(Exercise requirements): Each entry below should be printed exactly as given.

(Data to process):
Start of Block
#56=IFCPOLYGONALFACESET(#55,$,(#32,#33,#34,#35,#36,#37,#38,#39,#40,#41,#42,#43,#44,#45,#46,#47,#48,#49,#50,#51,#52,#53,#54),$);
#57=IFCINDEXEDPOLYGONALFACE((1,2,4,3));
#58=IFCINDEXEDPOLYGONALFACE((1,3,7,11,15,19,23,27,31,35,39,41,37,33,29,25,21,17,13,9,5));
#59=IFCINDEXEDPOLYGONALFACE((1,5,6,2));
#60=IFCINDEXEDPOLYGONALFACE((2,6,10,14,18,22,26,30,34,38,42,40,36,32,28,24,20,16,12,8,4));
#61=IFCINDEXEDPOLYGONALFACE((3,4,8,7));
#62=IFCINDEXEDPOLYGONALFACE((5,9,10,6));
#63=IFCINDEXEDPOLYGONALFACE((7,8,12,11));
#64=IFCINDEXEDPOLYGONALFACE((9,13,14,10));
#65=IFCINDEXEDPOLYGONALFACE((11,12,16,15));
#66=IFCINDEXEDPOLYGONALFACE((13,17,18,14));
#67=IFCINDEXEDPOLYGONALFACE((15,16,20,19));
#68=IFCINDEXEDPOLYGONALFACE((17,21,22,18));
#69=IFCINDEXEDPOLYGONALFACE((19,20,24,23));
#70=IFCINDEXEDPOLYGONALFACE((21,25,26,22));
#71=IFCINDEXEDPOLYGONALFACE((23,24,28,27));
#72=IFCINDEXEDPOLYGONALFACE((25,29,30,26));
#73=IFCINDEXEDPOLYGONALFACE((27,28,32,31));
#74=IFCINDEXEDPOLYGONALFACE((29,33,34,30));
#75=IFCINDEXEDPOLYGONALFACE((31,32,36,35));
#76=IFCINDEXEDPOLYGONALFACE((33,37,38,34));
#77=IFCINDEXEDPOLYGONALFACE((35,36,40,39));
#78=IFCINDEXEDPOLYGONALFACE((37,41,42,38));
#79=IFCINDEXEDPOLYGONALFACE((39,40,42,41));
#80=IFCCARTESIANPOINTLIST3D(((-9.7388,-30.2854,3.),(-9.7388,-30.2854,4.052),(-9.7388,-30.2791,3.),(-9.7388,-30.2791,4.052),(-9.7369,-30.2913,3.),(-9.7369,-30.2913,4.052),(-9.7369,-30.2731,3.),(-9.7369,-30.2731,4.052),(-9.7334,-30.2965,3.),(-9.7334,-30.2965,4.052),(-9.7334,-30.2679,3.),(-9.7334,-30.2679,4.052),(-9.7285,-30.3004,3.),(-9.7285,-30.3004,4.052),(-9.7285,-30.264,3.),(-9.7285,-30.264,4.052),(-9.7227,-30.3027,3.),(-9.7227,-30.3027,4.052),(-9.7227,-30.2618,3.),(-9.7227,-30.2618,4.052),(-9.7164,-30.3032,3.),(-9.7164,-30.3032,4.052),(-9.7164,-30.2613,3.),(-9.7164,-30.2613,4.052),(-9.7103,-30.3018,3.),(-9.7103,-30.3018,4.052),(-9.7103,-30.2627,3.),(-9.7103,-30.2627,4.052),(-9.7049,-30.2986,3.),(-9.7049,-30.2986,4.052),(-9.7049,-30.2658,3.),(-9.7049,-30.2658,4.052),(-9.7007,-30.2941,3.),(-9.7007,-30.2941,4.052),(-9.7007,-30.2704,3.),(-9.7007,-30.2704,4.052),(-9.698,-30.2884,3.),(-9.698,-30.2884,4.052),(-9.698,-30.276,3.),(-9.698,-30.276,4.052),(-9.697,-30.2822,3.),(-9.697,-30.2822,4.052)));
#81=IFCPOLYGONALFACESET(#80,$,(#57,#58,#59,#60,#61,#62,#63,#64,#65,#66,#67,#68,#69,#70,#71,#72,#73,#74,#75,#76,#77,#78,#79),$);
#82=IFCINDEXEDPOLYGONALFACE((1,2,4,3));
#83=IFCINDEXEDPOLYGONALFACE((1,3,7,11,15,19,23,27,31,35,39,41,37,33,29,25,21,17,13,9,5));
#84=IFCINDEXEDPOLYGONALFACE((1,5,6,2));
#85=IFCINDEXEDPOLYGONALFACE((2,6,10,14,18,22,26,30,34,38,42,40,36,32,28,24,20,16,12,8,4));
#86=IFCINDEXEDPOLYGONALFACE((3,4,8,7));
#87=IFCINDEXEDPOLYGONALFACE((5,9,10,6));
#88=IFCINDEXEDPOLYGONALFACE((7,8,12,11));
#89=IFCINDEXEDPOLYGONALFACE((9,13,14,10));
End of Block
(Answer to this task):
#56=IFCPOLYGONALFACESET(#55,$,(#32,#33,#34,#35,#36,#37,#38,#39,#40,#41,#42,#43,#44,#45,#46,#47,#48,#49,#50,#51,#52,#53,#54),$);
#57=IFCINDEXEDPOLYGONALFACE((1,2,4,3));
#58=IFCINDEXEDPOLYGONALFACE((1,3,7,11,15,19,23,27,31,35,39,41,37,33,29,25,21,17,13,9,5));
#59=IFCINDEXEDPOLYGONALFACE((1,5,6,2));
#60=IFCINDEXEDPOLYGONALFACE((2,6,10,14,18,22,26,30,34,38,42,40,36,32,28,24,20,16,12,8,4));
#61=IFCINDEXEDPOLYGONALFACE((3,4,8,7));
#62=IFCINDEXEDPOLYGONALFACE((5,9,10,6));
#63=IFCINDEXEDPOLYGONALFACE((7,8,12,11));
#64=IFCINDEXEDPOLYGONALFACE((9,13,14,10));
#65=IFCINDEXEDPOLYGONALFACE((11,12,16,15));
#66=IFCINDEXEDPOLYGONALFACE((13,17,18,14));
#67=IFCINDEXEDPOLYGONALFACE((15,16,20,19));
#68=IFCINDEXEDPOLYGONALFACE((17,21,22,18));
#69=IFCINDEXEDPOLYGONALFACE((19,20,24,23));
#70=IFCINDEXEDPOLYGONALFACE((21,25,26,22));
#71=IFCINDEXEDPOLYGONALFACE((23,24,28,27));
#72=IFCINDEXEDPOLYGONALFACE((25,29,30,26));
#73=IFCINDEXEDPOLYGONALFACE((27,28,32,31));
#74=IFCINDEXEDPOLYGONALFACE((29,33,34,30));
#75=IFCINDEXEDPOLYGONALFACE((31,32,36,35));
#76=IFCINDEXEDPOLYGONALFACE((33,37,38,34));
#77=IFCINDEXEDPOLYGONALFACE((35,36,40,39));
#78=IFCINDEXEDPOLYGONALFACE((37,41,42,38));
#79=IFCINDEXEDPOLYGONALFACE((39,40,42,41));
#80=IFCCARTESIANPOINTLIST3D(((-9.7388,-30.2854,3.),(-9.7388,-30.2854,4.052),(-9.7388,-30.2791,3.),(-9.7388,-30.2791,4.052),(-9.7369,-30.2913,3.),(-9.7369,-30.2913,4.052),(-9.7369,-30.2731,3.),(-9.7369,-30.2731,4.052),(-9.7334,-30.2965,3.),(-9.7334,-30.2965,4.052),(-9.7334,-30.2679,3.),(-9.7334,-30.2679,4.052),(-9.7285,-30.3004,3.),(-9.7285,-30.3004,4.052),(-9.7285,-30.264,3.),(-9.7285,-30.264,4.052),(-9.7227,-30.3027,3.),(-9.7227,-30.3027,4.052),(-9.7227,-30.2618,3.),(-9.7227,-30.2618,4.052),(-9.7164,-30.3032,3.),(-9.7164,-30.3032,4.052),(-9.7164,-30.2613,3.),(-9.7164,-30.2613,4.052),(-9.7103,-30.3018,3.),(-9.7103,-30.3018,4.052),(-9.7103,-30.2627,3.),(-9.7103,-30.2627,4.052),(-9.7049,-30.2986,3.),(-9.7049,-30.2986,4.052),(-9.7049,-30.2658,3.),(-9.7049,-30.2658,4.052),(-9.7007,-30.2941,3.),(-9.7007,-30.2941,4.052),(-9.7007,-30.2704,3.),(-9.7007,-30.2704,4.052),(-9.698,-30.2884,3.),(-9.698,-30.2884,4.052),(-9.698,-30.276,3.),(-9.698,-30.276,4.052),(-9.697,-30.2822,3.),(-9.697,-30.2822,4.052)));
#81=IFCPOLYGONALFACESET(#80,$,(#57,#58,#59,#60,#61,#62,#63,#64,#65,#66,#67,#68,#69,#70,#71,#72,#73,#74,#75,#76,#77,#78,#79),$);
#82=IFCINDEXEDPOLYGONALFACE((1,2,4,3));
#83=IFCINDEXEDPOLYGONALFACE((1,3,7,11,15,19,23,27,31,35,39,41,37,33,29,25,21,17,13,9,5));
#84=IFCINDEXEDPOLYGONALFACE((1,5,6,2));
#85=IFCINDEXEDPOLYGONALFACE((2,6,10,14,18,22,26,30,34,38,42,40,36,32,28,24,20,16,12,8,4));
#86=IFCINDEXEDPOLYGONALFACE((3,4,8,7));
#87=IFCINDEXEDPOLYGONALFACE((5,9,10,6));
#88=IFCINDEXEDPOLYGONALFACE((7,8,12,11));
#89=IFCINDEXEDPOLYGONALFACE((9,13,14,10));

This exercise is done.